→ **Work instructions**
Of the entries below, return only those lines from the line with "#189=IFCPRODUCTDEFINITIONSHAPE($,$,(#188));" to the line with "building model written", exactly, both included.

(Records excerpted from a collection)
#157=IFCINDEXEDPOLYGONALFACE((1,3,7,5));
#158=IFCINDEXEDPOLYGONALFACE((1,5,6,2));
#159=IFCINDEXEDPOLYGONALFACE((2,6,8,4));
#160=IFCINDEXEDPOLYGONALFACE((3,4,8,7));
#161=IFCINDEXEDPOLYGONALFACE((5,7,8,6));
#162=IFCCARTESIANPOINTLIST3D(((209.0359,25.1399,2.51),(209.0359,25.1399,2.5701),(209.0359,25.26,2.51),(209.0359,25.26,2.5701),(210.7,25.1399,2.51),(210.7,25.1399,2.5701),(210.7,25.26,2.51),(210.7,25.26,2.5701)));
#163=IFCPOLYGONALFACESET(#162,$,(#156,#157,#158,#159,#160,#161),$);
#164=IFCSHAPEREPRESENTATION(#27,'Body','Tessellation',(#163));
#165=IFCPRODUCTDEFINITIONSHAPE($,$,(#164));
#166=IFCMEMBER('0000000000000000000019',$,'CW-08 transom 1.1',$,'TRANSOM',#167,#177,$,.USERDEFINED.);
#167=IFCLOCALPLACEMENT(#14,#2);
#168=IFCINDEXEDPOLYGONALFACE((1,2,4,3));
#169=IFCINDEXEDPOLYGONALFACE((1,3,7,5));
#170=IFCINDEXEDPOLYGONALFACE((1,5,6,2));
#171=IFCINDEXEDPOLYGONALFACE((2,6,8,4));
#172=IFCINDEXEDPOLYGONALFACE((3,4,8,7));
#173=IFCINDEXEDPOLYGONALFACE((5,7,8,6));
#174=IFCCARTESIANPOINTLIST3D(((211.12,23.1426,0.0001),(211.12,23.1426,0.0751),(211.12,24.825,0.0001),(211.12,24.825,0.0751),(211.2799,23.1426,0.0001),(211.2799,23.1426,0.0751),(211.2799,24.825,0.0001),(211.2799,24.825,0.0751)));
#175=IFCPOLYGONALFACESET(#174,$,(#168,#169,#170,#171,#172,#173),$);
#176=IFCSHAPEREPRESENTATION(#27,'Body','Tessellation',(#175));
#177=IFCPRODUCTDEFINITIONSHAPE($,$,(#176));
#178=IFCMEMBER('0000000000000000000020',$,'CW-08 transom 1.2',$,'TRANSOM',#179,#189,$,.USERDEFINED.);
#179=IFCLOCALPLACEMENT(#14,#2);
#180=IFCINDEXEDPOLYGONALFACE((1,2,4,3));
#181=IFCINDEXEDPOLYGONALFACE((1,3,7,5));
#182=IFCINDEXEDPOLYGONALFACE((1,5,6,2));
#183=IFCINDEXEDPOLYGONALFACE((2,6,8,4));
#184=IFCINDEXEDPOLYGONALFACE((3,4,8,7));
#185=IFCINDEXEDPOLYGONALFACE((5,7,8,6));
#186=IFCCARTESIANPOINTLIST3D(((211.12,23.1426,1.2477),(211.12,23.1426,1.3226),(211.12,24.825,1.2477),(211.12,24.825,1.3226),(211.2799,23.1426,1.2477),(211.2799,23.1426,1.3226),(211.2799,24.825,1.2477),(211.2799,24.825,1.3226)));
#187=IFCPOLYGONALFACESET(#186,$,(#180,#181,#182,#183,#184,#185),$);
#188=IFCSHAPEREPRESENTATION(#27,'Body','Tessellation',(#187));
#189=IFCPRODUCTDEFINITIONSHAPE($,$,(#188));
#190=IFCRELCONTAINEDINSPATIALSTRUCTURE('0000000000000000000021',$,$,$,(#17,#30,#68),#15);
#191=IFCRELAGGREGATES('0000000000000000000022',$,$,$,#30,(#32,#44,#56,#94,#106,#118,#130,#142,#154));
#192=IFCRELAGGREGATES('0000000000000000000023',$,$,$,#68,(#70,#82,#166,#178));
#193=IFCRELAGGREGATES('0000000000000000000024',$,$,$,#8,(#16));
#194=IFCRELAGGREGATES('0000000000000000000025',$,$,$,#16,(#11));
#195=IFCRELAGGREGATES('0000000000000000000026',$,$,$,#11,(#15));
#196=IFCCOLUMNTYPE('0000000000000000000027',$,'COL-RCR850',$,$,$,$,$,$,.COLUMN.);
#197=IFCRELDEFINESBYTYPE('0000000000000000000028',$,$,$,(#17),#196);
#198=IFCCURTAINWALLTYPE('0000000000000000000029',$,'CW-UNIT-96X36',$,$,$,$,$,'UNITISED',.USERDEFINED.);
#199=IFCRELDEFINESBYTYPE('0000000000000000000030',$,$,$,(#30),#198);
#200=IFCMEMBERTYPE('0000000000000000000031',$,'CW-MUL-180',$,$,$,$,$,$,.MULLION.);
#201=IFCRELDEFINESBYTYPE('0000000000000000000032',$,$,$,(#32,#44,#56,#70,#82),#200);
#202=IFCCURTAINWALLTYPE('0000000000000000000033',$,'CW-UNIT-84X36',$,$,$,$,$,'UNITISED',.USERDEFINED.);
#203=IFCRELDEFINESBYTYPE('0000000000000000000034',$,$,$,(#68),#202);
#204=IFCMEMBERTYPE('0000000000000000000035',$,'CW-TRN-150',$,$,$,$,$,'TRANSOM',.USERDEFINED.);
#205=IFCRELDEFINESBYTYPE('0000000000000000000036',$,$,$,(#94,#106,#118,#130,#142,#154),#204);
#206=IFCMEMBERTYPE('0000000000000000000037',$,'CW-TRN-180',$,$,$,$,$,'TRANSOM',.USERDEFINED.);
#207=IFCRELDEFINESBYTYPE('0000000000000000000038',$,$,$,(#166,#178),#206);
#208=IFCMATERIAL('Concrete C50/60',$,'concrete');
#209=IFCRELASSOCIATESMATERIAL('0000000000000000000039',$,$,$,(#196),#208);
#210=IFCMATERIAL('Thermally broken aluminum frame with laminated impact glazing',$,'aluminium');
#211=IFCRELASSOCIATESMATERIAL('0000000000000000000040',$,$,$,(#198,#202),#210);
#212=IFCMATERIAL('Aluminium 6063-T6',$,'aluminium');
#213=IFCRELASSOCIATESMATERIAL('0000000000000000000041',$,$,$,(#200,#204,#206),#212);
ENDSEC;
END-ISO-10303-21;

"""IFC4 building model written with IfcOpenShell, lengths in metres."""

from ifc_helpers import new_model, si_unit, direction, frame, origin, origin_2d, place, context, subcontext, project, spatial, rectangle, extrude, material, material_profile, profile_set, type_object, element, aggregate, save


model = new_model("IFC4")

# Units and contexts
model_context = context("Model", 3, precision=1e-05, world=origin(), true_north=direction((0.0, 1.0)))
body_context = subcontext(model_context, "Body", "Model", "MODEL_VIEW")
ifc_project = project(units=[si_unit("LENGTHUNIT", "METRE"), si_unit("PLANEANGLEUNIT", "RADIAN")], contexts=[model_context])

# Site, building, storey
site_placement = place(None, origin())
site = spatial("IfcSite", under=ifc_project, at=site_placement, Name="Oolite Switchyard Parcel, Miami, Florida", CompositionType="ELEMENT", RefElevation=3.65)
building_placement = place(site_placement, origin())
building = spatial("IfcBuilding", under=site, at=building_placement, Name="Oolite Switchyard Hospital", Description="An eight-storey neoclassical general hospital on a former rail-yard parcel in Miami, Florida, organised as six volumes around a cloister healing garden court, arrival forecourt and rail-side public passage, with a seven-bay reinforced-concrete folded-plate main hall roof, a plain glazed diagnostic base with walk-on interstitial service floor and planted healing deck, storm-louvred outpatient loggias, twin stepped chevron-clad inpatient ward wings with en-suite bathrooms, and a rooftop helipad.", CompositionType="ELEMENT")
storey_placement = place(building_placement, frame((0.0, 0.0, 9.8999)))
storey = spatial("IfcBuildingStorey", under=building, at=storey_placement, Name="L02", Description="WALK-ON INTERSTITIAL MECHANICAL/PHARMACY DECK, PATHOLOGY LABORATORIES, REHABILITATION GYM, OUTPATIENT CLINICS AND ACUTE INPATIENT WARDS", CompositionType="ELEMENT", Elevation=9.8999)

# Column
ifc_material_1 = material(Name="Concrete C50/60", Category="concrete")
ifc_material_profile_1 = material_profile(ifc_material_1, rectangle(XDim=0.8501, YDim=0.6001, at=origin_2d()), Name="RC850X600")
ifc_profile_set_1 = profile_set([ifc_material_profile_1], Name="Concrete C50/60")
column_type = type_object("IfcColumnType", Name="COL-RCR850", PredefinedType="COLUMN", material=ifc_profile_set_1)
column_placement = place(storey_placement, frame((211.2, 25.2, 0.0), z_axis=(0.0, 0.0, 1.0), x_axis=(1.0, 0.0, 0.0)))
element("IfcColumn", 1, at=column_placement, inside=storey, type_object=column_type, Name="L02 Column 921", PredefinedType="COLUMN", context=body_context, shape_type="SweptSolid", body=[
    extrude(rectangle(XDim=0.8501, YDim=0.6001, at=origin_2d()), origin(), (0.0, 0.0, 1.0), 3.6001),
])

→ **Result for this exercise**
#189=IFCPRODUCTDEFINITIONSHAPE($,$,(#188));
#190=IFCRELCONTAINEDINSPATIALSTRUCTURE('0000000000000000000021',$,$,$,(#17,#30,#68),#15);
#191=IFCRELAGGREGATES('0000000000000000000022',$,$,$,#30,(#32,#44,#56,#94,#106,#118,#130,#142,#154));
#192=IFCRELAGGREGATES('0000000000000000000023',$,$,$,#68,(#70,#82,#166,#178));
#193=IFCRELAGGREGATES('0000000000000000000024',$,$,$,#8,(#16));
#194=IFCRELAGGREGATES('0000000000000000000025',$,$,$,#16,(#11));
#195=IFCRELAGGREGATES('0000000000000000000026',$,$,$,#11,(#15));
#196=IFCCOLUMNTYPE('0000000000000000000027',$,'COL-RCR850',$,$,$,$,$,$,.COLUMN.);
#197=IFCRELDEFINESBYTYPE('0000000000000000000028',$,$,$,(#17),#196);
#198=IFCCURTAINWALLTYPE('0000000000000000000029',$,'CW-UNIT-96X36',$,$,$,$,$,'UNITISED',.USERDEFINED.);
#199=IFCRELDEFINESBYTYPE('0000000000000000000030',$,$,$,(#30),#198);
#200=IFCMEMBERTYPE('0000000000000000000031',$,'CW-MUL-180',$,$,$,$,$,$,.MULLION.);
#201=IFCRELDEFINESBYTYPE('0000000000000000000032',$,$,$,(#32,#44,#56,#70,#82),#200);
#202=IFCCURTAINWALLTYPE('0000000000000000000033',$,'CW-UNIT-84X36',$,$,$,$,$,'UNITISED',.USERDEFINED.);
#203=IFCRELDEFINESBYTYPE('0000000000000000000034',$,$,$,(#68),#202);
#204=IFCMEMBERTYPE('0000000000000000000035',$,'CW-TRN-150',$,$,$,$,$,'TRANSOM',.USERDEFINED.);
#205=IFCRELDEFINESBYTYPE('0000000000000000000036',$,$,$,(#94,#106,#118,#130,#142,#154),#204);
#206=IFCMEMBERTYPE('0000000000000000000037',$,'CW-TRN-180',$,$,$,$,$,'TRANSOM',.USERDEFINED.);
#207=IFCRELDEFINESBYTYPE('0000000000000000000038',$,$,$,(#166,#178),#206);
#208=IFCMATERIAL('Concrete C50/60',$,'concrete');
#209=IFCRELASSOCIATESMATERIAL('0000000000000000000039',$,$,$,(#196),#208);
#210=IFCMATERIAL('Thermally broken aluminum frame with laminated impact glazing',$,'aluminium');
#211=IFCRELASSOCIATESMATERIAL('0000000000000000000040',$,$,$,(#198,#202),#210);
#212=IFCMATERIAL('Aluminium 6063-T6',$,'aluminium');
#213=IFCRELASSOCIATESMATERIAL('0000000000000000000041',$,$,$,(#200,#204,#206),#212);
ENDSEC;
END-ISO-10303-21;

"""IFC4 building model written with IfcOpenShell, lengths in metres."""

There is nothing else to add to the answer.